— Exercise —
Extract the lines from the first line of the records below through the line containing "#49=IFCINDEXEDPOLYGONALFACE((5,7,8,6));", inclusive, and reproduce them exactly as written.

— Entries provided —
┌──
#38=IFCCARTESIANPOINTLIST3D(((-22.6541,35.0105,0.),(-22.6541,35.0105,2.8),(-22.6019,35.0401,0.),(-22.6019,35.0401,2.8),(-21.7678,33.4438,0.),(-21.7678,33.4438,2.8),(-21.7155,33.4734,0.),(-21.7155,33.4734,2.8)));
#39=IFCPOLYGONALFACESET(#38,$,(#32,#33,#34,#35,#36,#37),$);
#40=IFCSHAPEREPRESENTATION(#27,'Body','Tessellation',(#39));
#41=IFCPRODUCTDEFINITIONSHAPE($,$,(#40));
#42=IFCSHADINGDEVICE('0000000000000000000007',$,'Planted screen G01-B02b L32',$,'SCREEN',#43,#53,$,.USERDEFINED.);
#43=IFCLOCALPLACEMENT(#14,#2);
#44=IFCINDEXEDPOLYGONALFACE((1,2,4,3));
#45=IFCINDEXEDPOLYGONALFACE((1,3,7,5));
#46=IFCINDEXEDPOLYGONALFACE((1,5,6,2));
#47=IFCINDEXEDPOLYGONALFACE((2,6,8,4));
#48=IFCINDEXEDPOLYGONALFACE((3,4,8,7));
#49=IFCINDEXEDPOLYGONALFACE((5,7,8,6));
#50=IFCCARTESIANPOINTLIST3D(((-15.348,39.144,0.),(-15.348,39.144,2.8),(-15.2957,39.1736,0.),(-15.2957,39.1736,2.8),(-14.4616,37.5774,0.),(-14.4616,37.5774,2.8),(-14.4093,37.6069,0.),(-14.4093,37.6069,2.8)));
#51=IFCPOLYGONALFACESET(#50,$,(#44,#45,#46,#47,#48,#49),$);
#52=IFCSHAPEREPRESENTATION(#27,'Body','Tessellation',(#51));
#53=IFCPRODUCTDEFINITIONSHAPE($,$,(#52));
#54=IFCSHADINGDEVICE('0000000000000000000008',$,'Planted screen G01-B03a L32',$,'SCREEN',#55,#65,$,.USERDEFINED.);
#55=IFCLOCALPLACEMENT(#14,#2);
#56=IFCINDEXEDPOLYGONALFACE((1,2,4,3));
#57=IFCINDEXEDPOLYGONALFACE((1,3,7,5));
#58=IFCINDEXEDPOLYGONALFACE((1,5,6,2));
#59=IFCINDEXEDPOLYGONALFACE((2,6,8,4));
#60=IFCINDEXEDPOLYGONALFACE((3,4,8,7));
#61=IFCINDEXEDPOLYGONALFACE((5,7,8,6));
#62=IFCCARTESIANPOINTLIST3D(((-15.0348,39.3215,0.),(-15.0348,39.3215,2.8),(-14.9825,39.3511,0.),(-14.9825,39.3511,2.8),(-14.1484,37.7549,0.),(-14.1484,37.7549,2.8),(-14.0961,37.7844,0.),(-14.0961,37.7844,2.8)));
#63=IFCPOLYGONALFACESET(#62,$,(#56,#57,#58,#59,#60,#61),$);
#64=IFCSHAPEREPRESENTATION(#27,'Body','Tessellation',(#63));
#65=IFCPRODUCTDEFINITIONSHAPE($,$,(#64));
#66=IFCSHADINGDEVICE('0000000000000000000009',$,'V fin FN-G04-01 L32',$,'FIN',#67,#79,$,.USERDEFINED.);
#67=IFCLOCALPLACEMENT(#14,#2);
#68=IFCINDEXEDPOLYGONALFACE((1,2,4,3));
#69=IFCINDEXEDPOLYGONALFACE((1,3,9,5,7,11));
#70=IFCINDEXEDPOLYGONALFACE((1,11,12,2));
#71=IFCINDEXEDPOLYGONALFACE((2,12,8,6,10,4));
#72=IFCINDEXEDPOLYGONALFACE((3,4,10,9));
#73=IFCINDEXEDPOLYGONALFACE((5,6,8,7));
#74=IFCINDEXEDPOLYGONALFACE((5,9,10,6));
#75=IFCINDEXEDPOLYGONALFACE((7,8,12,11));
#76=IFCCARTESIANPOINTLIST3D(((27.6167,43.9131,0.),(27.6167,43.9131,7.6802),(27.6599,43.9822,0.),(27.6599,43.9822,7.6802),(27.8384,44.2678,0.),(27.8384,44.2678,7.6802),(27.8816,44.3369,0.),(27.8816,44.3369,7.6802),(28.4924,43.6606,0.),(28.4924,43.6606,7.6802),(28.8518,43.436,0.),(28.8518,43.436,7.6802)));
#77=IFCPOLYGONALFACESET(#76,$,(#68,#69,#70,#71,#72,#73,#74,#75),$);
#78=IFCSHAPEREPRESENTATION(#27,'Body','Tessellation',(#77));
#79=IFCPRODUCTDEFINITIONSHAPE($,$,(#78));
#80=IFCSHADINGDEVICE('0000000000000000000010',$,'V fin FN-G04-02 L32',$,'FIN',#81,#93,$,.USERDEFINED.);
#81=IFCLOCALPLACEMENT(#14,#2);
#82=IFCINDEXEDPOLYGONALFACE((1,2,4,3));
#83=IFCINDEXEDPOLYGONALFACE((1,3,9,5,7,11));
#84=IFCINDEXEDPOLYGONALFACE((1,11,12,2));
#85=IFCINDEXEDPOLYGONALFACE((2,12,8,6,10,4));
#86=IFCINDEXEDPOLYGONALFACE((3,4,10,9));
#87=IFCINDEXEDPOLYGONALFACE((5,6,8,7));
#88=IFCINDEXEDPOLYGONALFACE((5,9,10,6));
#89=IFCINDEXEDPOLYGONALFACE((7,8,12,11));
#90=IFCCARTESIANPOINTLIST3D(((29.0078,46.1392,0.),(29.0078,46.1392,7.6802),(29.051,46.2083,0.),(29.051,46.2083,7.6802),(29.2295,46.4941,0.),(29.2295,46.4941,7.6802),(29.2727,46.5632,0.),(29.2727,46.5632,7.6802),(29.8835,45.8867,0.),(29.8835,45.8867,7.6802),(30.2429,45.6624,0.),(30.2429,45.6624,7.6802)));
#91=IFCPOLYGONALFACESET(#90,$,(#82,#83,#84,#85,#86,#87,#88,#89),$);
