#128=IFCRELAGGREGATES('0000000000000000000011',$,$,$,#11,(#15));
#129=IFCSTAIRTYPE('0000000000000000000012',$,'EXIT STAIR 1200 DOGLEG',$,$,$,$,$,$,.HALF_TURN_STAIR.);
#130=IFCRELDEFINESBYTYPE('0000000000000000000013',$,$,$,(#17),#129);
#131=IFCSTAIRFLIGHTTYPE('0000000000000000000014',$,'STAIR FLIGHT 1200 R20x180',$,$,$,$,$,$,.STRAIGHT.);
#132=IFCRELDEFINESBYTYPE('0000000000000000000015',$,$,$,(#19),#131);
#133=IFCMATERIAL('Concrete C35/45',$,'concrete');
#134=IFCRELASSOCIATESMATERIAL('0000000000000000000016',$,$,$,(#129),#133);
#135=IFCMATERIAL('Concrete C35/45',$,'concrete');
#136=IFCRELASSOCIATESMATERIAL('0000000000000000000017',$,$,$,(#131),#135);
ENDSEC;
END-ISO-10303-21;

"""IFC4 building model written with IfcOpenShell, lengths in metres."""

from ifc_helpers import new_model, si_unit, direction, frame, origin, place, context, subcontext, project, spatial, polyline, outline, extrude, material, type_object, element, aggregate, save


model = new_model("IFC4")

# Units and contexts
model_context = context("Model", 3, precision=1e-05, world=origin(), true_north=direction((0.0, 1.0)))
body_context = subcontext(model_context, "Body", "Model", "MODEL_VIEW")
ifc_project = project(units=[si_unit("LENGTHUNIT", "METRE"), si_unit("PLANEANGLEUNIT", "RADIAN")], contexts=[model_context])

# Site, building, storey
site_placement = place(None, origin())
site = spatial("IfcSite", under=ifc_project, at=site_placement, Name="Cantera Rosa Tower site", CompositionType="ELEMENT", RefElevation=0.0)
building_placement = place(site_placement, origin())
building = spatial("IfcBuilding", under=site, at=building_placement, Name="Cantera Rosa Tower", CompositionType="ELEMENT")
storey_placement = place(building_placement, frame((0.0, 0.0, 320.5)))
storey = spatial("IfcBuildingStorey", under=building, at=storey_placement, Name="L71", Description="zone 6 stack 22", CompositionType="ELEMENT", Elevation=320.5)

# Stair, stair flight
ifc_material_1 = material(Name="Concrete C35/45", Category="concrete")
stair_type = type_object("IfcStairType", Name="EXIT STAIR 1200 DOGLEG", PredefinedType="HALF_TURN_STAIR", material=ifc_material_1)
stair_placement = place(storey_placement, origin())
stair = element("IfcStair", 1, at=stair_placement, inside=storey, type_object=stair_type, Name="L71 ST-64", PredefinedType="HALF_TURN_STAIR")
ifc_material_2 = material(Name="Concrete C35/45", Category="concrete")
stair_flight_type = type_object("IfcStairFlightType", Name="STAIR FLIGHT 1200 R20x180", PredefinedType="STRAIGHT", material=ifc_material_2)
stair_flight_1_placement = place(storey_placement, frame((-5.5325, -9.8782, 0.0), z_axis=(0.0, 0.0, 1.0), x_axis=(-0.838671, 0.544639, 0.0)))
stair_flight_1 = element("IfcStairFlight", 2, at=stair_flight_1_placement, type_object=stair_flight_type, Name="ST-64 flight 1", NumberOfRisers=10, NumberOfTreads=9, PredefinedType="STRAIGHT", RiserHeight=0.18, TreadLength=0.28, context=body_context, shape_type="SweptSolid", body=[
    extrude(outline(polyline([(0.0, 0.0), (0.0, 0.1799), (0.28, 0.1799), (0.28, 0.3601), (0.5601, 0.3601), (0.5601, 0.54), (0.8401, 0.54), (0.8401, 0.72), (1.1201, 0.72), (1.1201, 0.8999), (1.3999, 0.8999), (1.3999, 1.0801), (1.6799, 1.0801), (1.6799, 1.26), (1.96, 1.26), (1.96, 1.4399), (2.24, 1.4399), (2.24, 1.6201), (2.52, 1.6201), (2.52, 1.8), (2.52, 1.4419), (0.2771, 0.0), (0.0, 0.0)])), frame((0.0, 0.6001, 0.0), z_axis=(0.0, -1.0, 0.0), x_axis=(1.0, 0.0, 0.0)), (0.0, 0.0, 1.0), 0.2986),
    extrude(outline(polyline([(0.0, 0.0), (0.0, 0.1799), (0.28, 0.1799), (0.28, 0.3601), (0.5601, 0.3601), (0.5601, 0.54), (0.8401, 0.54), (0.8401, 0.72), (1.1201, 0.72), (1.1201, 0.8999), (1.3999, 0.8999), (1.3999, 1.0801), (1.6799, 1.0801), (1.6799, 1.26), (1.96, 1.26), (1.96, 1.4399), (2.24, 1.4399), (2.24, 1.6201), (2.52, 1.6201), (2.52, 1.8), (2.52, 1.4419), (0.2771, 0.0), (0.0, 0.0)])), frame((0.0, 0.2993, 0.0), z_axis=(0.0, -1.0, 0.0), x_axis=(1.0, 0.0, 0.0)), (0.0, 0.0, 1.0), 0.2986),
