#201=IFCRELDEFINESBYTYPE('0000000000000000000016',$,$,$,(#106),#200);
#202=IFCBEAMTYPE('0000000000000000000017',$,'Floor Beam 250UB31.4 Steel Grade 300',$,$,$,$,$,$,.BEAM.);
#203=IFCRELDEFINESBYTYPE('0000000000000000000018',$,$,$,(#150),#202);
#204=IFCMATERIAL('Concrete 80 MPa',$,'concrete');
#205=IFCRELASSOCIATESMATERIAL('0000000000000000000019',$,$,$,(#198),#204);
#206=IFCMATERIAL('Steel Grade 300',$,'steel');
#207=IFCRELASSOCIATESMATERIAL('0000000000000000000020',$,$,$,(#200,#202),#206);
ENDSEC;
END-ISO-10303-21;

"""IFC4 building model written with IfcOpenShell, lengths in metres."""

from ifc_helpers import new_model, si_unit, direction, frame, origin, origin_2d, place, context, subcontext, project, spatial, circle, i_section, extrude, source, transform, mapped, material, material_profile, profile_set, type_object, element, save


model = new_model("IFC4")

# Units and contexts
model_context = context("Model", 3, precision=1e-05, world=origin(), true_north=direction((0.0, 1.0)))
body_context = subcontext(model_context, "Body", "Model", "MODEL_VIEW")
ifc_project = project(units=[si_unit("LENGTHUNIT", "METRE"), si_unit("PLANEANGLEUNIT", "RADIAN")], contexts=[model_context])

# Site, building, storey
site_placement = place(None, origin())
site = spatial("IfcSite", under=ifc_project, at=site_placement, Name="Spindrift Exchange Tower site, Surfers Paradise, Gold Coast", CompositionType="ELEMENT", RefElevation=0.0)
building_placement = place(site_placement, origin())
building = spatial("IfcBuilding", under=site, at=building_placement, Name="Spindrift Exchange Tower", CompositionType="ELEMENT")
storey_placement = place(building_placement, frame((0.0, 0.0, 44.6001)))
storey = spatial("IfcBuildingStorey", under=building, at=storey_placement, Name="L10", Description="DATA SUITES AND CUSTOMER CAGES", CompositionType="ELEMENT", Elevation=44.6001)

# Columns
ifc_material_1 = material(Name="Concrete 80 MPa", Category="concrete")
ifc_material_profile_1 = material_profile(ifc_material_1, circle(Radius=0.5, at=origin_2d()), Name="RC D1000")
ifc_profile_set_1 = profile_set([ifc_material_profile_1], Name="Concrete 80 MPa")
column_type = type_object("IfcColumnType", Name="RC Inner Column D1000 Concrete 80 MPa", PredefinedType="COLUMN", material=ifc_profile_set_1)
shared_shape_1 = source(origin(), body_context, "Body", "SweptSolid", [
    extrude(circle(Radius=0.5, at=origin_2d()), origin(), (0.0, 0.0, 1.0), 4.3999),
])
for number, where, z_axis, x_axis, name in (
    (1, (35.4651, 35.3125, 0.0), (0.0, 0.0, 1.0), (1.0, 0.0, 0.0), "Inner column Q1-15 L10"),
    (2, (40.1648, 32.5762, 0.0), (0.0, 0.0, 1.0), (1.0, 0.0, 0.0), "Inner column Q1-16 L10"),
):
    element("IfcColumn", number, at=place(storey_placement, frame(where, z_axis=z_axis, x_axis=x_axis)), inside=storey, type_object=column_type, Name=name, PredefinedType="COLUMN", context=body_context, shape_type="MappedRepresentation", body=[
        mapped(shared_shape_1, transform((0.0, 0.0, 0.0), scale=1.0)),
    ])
└──
— Exercise response —
#38=IFCCARTESIANPOINTLIST3D(((-22.6541,35.0105,0.),(-22.6541,35.0105,2.8),(-22.6019,35.0401,0.),(-22.6019,35.0401,2.8),(-21.7678,33.4438,0.),(-21.7678,33.4438,2.8),(-21.7155,33.4734,0.),(-21.7155,33.4734,2.8)));
#39=IFCPOLYGONALFACESET(#38,$,(#32,#33,#34,#35,#36,#37),$);
#40=IFCSHAPEREPRESENTATION(#27,'Body','Tessellation',(#39));
#41=IFCPRODUCTDEFINITIONSHAPE($,$,(#40));
#42=IFCSHADINGDEVICE('0000000000000000000007',$,'Planted screen G01-B02b L32',$,'SCREEN',#43,#53,$,.USERDEFINED.);
#43=IFCLOCALPLACEMENT(#14,#2);
#44=IFCINDEXEDPOLYGONALFACE((1,2,4,3));
#45=IFCINDEXEDPOLYGONALFACE((1,3,7,5));
#46=IFCINDEXEDPOLYGONALFACE((1,5,6,2));
#47=IFCINDEXEDPOLYGONALFACE((2,6,8,4));
#48=IFCINDEXEDPOLYGONALFACE((3,4,8,7));
#49=IFCINDEXEDPOLYGONALFACE((5,7,8,6));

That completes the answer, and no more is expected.